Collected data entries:
____

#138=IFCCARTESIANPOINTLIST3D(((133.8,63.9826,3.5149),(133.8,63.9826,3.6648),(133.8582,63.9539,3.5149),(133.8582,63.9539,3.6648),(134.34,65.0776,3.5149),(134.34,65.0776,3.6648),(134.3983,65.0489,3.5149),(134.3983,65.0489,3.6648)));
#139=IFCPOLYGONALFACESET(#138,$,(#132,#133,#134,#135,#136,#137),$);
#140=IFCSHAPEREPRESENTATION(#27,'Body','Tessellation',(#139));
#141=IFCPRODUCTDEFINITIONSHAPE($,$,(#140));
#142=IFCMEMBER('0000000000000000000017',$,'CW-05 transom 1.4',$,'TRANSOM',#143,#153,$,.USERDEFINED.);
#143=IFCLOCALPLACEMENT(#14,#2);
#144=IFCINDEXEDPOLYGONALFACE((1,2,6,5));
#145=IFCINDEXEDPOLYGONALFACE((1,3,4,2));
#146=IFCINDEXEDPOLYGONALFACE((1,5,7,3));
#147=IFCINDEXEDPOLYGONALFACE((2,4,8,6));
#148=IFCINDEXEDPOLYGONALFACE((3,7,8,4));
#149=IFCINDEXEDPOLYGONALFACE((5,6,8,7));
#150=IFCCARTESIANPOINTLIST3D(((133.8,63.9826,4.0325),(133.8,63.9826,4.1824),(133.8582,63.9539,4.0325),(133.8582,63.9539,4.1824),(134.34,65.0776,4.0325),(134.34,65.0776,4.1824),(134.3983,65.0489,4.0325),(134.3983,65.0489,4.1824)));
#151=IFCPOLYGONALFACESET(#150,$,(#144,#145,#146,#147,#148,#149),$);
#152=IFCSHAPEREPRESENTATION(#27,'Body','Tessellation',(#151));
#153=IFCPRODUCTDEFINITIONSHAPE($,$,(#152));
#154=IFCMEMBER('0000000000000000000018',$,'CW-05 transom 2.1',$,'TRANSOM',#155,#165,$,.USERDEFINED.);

____

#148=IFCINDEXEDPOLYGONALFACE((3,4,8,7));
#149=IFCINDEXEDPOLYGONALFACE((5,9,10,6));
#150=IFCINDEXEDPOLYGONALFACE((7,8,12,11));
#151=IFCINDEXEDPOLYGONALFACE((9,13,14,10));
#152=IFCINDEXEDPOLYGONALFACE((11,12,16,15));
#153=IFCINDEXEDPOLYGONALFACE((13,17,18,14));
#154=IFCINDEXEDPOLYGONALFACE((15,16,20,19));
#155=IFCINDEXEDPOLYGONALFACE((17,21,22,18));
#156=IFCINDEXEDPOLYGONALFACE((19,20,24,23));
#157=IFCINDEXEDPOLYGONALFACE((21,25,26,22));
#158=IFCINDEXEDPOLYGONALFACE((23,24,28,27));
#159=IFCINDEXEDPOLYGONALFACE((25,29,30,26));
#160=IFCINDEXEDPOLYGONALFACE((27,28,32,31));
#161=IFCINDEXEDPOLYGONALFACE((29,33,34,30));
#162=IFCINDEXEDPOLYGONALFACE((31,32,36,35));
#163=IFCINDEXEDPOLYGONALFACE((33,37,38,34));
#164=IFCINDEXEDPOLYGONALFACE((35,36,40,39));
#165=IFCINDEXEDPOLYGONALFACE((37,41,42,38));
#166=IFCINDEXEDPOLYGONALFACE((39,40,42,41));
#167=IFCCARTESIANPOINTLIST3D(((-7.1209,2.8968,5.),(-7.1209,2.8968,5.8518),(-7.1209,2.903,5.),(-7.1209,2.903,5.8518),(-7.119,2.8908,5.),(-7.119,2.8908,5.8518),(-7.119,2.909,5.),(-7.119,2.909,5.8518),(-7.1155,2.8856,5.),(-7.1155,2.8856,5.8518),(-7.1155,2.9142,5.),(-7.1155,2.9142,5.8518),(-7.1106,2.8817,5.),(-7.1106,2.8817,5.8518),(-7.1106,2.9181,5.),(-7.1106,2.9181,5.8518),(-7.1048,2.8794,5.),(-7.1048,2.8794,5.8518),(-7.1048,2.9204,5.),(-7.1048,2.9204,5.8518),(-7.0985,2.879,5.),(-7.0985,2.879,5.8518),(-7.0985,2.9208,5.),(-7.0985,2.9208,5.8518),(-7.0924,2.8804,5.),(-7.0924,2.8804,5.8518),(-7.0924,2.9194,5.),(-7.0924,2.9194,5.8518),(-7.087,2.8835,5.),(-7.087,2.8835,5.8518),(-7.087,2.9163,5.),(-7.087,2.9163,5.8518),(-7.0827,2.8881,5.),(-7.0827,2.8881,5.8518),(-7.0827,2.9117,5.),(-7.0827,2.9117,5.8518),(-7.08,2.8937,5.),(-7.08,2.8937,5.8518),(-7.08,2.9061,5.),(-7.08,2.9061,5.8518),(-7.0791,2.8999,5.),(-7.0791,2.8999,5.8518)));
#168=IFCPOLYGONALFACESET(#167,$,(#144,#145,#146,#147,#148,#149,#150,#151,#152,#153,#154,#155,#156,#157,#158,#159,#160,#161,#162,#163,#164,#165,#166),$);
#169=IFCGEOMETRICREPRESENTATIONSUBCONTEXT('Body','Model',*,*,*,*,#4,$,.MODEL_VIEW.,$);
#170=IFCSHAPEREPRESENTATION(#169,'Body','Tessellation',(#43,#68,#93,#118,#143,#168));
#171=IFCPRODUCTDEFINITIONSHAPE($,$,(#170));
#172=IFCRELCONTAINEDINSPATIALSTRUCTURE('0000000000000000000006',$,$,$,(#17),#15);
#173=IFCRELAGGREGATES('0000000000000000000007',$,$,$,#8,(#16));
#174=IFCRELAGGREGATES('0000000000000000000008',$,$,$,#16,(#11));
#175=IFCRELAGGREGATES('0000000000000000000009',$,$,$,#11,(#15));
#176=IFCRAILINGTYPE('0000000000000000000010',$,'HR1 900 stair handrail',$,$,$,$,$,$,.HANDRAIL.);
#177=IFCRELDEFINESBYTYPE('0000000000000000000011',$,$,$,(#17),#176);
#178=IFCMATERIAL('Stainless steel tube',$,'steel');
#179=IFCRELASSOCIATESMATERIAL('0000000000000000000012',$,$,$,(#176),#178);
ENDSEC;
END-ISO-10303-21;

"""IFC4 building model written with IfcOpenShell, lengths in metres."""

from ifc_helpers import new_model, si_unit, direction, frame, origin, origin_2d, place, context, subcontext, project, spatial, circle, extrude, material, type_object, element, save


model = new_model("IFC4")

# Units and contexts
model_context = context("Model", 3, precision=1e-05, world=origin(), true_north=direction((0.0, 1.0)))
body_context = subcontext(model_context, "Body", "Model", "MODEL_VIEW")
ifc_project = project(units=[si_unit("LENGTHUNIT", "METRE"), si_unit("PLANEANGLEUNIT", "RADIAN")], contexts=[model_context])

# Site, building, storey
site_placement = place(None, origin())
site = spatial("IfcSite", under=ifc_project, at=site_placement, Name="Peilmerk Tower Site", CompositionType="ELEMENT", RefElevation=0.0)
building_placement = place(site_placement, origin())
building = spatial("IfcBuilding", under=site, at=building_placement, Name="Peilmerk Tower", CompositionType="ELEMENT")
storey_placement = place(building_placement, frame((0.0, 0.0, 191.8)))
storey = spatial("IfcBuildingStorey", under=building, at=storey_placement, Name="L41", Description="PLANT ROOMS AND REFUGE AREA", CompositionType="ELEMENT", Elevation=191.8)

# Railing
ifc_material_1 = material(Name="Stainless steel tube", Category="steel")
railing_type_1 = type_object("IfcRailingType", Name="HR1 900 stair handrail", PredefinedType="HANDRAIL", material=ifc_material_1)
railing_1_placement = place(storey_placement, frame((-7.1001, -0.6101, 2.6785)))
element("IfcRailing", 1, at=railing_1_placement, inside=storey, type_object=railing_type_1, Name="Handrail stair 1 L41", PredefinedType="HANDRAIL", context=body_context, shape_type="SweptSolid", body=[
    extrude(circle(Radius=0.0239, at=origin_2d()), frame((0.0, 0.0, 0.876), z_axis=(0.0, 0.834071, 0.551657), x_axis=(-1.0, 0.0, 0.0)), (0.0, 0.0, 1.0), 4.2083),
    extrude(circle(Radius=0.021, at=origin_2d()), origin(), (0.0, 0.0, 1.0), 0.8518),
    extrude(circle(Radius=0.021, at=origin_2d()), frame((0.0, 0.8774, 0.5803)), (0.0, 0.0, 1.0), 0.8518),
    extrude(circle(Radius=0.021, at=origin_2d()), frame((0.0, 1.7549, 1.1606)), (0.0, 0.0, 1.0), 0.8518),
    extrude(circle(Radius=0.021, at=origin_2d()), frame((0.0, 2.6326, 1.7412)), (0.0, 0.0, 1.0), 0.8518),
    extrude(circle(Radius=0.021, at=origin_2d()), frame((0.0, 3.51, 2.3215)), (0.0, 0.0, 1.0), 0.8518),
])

____

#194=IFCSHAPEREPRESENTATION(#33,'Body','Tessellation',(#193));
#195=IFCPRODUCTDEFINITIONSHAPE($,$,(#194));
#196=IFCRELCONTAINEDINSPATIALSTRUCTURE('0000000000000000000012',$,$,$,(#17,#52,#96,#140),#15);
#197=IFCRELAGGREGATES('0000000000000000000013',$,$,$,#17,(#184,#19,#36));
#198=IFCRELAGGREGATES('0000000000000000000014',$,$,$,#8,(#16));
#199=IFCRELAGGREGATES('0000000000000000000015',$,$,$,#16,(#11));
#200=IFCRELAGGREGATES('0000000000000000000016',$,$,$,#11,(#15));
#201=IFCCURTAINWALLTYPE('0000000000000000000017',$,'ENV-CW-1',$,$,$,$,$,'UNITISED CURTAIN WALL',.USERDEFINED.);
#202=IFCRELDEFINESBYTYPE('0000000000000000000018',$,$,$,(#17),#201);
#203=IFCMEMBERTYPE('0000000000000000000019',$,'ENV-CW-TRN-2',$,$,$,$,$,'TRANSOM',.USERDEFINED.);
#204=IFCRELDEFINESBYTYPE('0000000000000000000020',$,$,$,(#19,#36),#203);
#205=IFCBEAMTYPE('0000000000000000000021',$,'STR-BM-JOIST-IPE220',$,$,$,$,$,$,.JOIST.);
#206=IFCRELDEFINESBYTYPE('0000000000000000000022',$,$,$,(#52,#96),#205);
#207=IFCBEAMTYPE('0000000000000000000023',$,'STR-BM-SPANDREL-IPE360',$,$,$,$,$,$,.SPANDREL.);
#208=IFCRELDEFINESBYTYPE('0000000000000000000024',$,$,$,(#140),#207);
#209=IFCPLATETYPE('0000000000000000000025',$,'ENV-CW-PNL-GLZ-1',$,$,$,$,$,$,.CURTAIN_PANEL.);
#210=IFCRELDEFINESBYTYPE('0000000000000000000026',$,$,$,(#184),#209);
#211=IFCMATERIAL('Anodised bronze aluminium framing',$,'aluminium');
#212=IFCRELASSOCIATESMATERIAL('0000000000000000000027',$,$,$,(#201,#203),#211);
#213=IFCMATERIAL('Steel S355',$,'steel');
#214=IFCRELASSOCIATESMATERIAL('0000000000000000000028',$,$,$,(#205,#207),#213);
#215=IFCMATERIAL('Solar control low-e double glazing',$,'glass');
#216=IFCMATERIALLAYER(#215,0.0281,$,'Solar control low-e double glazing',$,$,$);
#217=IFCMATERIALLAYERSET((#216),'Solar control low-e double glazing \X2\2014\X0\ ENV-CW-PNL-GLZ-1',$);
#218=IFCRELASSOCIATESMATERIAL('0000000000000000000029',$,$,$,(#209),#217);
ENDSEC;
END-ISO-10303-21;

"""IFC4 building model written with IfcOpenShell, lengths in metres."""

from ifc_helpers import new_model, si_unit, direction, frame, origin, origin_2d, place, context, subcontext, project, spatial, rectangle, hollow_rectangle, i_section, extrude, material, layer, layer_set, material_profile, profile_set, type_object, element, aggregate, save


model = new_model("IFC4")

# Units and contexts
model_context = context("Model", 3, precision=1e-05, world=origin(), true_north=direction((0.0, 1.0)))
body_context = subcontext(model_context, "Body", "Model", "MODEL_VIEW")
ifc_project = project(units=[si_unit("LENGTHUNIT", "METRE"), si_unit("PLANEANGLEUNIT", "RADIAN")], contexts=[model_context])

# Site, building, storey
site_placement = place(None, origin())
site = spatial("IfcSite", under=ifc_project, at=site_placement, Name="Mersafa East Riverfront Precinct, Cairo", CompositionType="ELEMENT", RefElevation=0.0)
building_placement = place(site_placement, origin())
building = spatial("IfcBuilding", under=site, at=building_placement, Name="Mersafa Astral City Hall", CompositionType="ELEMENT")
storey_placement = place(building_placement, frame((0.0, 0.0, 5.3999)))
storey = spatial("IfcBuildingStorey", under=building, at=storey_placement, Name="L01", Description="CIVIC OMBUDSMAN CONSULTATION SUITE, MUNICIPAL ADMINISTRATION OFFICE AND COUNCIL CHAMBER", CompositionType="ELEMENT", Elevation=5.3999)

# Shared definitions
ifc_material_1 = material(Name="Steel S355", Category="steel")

____

- [Task item]:
All lines above from the line with "#146=IFCINDEXEDPOLYGONALFACE((1,5,7,3));" through the line with "#149=IFCINDEXEDPOLYGONALFACE((5,6,8,7));", both included, are to be set down exactly, with nothing else.

- [Solution for this task]:
#146=IFCINDEXEDPOLYGONALFACE((1,5,7,3));
#147=IFCINDEXEDPOLYGONALFACE((2,4,8,6));
#148=IFCINDEXEDPOLYGONALFACE((3,7,8,4));
#149=IFCINDEXEDPOLYGONALFACE((5,6,8,7));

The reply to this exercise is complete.